→ **REQUIRED ACTION**:
Only the lines with the string "glass" are needed; return each of them from the entries below.

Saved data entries
• • • • • • •
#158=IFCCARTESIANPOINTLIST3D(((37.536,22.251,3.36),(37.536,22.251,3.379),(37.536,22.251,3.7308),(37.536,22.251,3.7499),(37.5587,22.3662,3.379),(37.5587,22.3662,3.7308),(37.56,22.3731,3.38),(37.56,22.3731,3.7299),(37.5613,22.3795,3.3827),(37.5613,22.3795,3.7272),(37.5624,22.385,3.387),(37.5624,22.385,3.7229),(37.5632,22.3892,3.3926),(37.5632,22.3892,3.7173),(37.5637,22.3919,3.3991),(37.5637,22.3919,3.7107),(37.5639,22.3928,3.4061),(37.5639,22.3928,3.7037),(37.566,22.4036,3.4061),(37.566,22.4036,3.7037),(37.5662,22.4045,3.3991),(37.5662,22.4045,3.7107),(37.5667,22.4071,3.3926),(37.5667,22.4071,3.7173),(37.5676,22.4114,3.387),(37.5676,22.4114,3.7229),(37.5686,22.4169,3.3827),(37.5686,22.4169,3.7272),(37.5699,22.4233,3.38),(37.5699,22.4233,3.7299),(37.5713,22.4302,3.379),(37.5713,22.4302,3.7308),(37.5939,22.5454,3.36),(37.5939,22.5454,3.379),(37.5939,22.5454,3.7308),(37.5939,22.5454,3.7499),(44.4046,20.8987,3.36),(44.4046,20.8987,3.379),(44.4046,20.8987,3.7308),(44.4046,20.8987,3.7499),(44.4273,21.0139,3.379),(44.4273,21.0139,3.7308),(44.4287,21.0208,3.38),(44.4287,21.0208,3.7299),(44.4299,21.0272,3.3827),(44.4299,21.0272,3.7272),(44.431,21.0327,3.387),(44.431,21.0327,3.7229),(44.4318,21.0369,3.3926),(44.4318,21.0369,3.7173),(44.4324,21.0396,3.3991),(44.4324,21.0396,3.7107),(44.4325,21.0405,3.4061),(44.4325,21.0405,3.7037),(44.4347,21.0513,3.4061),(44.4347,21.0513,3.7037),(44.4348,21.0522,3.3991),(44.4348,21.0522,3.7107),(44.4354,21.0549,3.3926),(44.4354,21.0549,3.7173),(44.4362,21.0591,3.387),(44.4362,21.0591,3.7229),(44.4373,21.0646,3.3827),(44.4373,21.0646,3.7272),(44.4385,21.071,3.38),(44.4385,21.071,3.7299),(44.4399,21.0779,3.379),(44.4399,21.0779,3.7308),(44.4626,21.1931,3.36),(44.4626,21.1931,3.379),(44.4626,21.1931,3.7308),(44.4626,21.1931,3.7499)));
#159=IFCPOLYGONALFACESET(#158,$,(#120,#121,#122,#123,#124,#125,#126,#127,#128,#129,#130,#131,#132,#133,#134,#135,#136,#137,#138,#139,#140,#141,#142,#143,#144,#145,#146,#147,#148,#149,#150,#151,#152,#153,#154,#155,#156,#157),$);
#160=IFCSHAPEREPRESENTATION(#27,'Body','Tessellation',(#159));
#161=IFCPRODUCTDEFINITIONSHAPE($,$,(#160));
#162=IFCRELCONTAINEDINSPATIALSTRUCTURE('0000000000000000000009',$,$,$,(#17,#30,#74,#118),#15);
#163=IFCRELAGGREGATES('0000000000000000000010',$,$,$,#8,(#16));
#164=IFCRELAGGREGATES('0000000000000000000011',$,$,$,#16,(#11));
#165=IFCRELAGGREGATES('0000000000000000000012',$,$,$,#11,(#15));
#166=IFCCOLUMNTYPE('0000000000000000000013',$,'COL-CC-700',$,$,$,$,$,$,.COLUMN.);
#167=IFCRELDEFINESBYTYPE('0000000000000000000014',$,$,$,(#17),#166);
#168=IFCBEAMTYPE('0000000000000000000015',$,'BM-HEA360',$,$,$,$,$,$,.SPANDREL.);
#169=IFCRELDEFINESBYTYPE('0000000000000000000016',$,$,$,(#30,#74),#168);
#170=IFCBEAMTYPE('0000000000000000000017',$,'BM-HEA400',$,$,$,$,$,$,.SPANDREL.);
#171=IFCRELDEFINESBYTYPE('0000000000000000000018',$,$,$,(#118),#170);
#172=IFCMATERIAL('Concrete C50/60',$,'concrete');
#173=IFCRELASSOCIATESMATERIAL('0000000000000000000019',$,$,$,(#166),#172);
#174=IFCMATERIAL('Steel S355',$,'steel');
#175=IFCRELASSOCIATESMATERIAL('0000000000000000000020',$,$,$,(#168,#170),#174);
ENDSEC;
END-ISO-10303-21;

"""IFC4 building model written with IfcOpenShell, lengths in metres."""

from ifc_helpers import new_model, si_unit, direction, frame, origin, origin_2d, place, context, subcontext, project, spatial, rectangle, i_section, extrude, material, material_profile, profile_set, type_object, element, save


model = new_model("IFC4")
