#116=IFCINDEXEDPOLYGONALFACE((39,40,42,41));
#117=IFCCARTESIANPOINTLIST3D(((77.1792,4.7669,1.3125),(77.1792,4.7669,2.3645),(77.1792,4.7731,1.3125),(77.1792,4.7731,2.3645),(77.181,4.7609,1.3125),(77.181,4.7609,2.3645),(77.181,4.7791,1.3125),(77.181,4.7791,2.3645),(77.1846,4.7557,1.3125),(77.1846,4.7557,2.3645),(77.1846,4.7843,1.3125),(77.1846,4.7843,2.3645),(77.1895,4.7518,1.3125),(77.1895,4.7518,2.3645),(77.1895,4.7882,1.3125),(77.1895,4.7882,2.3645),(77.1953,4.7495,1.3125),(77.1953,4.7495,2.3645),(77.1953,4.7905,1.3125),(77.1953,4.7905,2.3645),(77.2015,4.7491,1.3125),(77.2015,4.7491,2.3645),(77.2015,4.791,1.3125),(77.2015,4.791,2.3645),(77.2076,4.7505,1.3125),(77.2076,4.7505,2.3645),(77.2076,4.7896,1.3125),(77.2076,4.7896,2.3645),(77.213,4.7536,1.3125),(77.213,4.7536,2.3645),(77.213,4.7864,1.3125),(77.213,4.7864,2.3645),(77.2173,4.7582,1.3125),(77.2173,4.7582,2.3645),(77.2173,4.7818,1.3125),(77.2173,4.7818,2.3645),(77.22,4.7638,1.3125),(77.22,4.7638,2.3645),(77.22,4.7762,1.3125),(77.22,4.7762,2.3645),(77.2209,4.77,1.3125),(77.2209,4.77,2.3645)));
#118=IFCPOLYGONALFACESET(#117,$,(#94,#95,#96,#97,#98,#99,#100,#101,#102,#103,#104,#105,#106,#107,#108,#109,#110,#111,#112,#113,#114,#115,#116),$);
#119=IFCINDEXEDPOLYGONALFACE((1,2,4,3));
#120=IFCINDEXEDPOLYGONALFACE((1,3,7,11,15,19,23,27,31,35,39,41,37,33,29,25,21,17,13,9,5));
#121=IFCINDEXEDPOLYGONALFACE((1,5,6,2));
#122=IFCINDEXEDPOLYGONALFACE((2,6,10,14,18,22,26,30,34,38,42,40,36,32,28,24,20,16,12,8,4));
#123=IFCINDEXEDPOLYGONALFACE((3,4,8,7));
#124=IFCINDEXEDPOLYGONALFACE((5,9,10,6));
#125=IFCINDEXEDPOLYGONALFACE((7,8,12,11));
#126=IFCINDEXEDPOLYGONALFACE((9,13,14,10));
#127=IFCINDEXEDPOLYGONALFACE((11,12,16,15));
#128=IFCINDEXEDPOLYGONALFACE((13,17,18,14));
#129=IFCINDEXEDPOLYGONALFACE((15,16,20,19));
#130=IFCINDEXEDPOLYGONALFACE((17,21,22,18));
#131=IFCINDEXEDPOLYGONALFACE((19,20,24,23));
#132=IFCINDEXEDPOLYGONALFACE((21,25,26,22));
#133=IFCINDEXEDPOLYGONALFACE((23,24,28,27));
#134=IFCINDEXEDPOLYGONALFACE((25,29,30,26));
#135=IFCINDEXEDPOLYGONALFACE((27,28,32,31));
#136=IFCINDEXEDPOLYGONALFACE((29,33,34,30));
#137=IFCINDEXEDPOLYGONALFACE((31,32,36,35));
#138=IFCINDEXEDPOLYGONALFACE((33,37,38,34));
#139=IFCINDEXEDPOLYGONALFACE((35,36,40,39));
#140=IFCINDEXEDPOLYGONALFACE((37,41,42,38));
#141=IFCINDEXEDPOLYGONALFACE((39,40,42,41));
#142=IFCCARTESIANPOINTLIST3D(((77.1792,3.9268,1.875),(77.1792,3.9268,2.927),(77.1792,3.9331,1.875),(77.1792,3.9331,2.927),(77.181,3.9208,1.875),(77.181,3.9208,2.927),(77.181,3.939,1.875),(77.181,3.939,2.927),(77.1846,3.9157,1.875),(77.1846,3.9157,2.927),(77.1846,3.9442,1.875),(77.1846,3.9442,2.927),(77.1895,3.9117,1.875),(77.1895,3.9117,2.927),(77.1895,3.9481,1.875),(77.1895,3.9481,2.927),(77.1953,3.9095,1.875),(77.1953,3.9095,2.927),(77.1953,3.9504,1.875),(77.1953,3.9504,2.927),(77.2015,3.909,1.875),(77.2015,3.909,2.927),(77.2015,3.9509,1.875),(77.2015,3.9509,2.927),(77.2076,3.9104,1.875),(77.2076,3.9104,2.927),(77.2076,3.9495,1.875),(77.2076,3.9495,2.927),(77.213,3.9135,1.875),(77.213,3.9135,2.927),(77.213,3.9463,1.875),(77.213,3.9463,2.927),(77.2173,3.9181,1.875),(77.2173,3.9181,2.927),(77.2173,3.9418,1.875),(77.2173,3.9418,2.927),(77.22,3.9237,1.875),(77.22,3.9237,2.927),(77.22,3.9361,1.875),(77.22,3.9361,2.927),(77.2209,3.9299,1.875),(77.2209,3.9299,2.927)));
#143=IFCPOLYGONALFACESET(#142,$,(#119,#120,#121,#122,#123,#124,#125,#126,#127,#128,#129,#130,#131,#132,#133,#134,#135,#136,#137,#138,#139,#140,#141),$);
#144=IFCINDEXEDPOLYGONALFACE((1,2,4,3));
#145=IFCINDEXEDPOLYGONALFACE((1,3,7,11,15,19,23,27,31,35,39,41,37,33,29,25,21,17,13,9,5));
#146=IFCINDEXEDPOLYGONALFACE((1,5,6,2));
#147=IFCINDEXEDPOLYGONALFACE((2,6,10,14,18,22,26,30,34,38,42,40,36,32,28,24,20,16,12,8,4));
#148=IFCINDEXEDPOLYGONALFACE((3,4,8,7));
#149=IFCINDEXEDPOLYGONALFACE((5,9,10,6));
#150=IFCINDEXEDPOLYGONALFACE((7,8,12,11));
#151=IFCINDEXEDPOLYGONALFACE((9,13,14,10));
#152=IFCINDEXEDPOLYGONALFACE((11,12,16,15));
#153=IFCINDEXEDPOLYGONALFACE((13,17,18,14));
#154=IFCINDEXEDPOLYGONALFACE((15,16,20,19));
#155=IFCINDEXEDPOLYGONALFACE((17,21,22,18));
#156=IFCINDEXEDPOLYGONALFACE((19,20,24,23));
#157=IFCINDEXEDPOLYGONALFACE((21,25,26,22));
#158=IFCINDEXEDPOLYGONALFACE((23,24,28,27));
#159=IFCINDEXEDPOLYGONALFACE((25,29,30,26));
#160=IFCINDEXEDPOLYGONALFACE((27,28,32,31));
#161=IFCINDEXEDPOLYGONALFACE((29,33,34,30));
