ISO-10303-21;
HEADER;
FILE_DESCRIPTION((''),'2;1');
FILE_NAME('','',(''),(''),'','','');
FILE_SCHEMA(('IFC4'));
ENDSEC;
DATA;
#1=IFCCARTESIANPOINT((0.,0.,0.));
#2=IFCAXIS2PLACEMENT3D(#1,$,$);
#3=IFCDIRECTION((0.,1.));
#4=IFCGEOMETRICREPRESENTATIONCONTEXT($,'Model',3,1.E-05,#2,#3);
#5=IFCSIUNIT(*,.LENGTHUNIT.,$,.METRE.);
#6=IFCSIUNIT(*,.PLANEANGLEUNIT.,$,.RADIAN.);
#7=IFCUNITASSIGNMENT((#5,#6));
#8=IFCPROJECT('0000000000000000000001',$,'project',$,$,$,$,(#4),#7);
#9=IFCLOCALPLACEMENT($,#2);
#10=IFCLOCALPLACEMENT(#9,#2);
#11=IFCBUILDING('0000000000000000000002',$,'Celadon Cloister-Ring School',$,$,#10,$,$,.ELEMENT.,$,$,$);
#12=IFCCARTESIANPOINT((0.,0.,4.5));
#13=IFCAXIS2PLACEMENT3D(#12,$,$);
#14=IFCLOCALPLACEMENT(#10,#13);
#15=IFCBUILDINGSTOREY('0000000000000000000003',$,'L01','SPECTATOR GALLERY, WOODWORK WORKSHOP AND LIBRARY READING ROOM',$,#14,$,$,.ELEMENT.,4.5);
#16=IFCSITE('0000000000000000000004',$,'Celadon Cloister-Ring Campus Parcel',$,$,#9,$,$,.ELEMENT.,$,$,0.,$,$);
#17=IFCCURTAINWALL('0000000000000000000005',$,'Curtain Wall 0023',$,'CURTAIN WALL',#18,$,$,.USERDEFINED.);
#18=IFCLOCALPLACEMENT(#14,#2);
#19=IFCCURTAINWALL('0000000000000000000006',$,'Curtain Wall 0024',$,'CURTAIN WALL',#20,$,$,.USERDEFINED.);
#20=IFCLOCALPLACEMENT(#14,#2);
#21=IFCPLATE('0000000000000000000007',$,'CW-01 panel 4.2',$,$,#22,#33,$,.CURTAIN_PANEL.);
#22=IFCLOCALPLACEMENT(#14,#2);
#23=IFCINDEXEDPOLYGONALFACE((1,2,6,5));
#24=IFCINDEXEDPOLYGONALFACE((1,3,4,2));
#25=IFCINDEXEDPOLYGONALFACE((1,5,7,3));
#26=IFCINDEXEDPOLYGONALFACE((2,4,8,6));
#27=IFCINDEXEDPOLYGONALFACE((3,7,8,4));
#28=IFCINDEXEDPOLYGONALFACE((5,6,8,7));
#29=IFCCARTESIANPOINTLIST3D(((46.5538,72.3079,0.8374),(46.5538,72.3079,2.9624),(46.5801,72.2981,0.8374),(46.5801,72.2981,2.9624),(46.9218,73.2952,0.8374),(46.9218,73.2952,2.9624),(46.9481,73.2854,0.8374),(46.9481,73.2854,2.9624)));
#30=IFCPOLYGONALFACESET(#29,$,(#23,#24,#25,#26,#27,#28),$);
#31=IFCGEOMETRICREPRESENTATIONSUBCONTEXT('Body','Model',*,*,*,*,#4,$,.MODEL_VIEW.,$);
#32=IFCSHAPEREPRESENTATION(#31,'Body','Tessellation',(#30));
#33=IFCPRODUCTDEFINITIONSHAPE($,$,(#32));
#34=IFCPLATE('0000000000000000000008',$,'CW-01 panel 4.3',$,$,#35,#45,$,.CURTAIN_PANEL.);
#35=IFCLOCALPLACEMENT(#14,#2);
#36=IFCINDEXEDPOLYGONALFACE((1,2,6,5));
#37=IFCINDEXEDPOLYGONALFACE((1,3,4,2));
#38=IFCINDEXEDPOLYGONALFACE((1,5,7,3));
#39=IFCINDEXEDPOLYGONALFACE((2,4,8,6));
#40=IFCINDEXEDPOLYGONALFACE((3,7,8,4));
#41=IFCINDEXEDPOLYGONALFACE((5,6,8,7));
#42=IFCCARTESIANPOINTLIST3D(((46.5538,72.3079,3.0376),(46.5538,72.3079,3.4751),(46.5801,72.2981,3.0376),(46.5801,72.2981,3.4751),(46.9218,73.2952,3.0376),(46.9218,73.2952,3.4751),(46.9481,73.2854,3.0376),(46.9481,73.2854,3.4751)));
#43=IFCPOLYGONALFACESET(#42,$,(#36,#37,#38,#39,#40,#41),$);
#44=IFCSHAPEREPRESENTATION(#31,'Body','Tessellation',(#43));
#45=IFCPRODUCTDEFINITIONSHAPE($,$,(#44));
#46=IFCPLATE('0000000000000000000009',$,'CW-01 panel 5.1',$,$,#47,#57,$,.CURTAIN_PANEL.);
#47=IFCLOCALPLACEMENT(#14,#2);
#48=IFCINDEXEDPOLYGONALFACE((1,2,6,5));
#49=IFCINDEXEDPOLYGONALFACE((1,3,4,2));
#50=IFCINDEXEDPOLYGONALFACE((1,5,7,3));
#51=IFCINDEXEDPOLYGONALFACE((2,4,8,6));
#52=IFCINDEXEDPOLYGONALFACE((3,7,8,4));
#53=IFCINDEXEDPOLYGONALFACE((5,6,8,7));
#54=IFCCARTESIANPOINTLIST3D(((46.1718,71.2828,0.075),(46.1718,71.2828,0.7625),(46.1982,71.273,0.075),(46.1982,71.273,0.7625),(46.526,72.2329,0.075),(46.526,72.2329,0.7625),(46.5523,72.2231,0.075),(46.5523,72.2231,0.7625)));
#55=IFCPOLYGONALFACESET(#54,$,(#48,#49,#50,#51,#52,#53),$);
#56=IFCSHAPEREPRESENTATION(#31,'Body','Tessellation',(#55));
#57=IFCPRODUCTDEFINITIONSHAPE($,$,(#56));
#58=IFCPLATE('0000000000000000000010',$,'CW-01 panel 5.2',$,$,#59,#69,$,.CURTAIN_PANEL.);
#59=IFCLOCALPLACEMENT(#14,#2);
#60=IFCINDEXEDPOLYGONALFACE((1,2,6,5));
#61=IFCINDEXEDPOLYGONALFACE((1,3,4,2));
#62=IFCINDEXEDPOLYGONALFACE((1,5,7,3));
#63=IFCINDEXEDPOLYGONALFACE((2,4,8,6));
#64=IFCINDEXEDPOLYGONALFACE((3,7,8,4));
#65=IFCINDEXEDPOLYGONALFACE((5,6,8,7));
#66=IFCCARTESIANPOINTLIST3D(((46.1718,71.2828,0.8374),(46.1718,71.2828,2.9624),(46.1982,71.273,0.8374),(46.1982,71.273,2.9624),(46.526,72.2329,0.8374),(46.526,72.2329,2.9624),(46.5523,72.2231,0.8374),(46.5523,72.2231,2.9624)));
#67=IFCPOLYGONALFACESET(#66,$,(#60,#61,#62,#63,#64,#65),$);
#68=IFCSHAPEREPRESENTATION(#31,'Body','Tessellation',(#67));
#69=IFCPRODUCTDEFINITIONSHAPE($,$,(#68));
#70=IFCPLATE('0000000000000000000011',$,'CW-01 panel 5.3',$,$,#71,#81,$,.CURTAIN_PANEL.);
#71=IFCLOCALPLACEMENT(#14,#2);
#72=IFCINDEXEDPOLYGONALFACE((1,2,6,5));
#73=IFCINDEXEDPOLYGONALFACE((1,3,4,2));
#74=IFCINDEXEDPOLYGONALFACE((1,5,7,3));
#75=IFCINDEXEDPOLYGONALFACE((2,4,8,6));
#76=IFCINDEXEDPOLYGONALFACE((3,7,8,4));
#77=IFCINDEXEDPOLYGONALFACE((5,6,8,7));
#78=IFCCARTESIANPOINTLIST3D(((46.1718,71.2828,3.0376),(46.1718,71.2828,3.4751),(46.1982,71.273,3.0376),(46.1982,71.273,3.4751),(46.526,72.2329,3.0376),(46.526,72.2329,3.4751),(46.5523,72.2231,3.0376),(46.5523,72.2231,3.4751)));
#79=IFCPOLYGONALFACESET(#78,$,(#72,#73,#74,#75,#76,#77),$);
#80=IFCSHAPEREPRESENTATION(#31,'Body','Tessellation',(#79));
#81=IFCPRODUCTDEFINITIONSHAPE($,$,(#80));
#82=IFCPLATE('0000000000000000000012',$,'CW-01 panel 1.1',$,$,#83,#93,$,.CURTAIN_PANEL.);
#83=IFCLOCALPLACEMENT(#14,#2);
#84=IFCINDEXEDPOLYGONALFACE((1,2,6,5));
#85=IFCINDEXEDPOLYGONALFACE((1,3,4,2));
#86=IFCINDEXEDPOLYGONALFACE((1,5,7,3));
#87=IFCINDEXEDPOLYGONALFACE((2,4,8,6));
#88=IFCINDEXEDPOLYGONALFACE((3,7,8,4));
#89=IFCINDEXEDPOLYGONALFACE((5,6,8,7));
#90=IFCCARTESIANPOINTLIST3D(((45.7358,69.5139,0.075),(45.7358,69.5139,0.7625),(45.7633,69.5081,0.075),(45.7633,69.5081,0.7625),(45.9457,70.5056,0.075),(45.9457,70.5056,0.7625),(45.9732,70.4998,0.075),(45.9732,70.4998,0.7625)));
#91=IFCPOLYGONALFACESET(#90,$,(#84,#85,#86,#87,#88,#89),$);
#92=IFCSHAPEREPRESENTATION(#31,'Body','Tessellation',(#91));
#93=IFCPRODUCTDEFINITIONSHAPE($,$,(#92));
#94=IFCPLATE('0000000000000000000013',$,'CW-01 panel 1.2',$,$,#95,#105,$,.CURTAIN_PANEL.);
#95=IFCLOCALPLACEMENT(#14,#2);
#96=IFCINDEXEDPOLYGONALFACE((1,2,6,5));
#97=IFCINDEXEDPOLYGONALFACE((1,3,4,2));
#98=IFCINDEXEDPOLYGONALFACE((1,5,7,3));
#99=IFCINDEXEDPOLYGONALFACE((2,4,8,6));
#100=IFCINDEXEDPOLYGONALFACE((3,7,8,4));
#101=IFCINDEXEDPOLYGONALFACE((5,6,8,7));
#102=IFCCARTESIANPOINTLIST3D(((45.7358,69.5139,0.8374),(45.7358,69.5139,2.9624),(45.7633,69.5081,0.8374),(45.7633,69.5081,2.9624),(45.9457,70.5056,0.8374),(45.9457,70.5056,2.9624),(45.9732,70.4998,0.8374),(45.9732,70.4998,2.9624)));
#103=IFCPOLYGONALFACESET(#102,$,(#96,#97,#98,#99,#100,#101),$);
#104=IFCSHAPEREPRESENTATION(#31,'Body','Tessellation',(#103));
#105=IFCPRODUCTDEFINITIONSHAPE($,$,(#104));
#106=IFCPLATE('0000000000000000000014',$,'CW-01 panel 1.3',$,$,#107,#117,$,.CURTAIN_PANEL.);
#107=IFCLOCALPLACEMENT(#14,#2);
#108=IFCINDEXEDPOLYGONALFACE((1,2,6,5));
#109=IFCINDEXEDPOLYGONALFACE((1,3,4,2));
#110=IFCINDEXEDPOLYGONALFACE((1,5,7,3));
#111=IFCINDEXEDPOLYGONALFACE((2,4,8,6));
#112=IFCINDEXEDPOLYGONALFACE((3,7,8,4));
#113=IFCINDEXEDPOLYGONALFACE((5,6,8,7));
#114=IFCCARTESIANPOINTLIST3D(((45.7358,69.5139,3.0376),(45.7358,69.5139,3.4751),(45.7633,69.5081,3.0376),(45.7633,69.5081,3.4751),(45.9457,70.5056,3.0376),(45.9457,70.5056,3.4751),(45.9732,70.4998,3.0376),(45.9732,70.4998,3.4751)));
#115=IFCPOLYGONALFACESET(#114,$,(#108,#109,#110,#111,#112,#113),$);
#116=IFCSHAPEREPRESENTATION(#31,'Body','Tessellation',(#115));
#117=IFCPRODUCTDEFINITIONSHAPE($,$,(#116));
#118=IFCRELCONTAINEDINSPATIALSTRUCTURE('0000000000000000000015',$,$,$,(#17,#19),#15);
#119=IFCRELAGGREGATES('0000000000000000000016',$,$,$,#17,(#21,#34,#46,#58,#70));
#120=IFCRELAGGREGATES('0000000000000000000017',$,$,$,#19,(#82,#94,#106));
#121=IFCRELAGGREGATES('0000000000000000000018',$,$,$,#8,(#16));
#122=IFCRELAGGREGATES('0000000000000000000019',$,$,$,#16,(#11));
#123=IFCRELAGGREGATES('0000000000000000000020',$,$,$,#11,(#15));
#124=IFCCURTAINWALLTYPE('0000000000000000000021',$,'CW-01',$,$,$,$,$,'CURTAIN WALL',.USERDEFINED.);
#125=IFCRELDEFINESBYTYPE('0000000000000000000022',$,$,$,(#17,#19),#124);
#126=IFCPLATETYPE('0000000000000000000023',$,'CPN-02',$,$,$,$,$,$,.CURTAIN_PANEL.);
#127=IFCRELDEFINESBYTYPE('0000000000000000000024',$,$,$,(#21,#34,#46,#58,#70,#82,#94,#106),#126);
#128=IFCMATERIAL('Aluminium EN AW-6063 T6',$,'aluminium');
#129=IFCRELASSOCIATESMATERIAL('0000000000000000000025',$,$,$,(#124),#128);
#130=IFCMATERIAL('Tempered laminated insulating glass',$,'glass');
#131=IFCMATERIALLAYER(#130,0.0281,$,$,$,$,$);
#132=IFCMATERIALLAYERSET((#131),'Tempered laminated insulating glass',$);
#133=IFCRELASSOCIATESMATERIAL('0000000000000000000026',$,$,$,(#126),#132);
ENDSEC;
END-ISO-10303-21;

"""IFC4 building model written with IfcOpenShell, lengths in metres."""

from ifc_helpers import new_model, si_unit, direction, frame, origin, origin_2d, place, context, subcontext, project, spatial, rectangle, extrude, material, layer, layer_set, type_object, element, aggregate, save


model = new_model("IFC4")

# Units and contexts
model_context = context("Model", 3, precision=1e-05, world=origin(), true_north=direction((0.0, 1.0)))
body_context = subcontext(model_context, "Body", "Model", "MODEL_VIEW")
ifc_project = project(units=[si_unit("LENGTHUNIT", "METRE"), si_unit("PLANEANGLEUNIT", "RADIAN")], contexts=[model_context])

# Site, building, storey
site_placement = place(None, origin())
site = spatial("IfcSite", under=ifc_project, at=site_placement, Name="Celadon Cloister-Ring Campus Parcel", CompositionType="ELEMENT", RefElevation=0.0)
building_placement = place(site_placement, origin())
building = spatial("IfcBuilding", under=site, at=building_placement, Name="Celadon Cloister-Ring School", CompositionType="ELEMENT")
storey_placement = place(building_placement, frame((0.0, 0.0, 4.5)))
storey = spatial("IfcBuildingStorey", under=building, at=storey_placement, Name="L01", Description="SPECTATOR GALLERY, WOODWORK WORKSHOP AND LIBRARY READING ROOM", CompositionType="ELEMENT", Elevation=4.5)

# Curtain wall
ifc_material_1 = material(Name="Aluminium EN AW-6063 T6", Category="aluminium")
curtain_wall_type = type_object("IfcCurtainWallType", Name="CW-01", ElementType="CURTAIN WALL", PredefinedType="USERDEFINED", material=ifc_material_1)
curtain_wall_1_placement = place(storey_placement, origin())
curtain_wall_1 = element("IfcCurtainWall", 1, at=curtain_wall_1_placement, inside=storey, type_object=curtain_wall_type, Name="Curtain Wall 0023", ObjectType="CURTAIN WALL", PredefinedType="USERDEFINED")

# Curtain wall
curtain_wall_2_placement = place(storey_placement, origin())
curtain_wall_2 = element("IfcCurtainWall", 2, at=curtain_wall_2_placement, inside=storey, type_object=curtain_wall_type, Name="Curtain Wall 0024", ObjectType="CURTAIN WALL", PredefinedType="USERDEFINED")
• • • • • • •
→ **ANSWER SECTION**:
#130=IFCMATERIAL('Tempered laminated insulating glass',$,'glass');
#132=IFCMATERIALLAYERSET((#131),'Tempered laminated insulating glass',$);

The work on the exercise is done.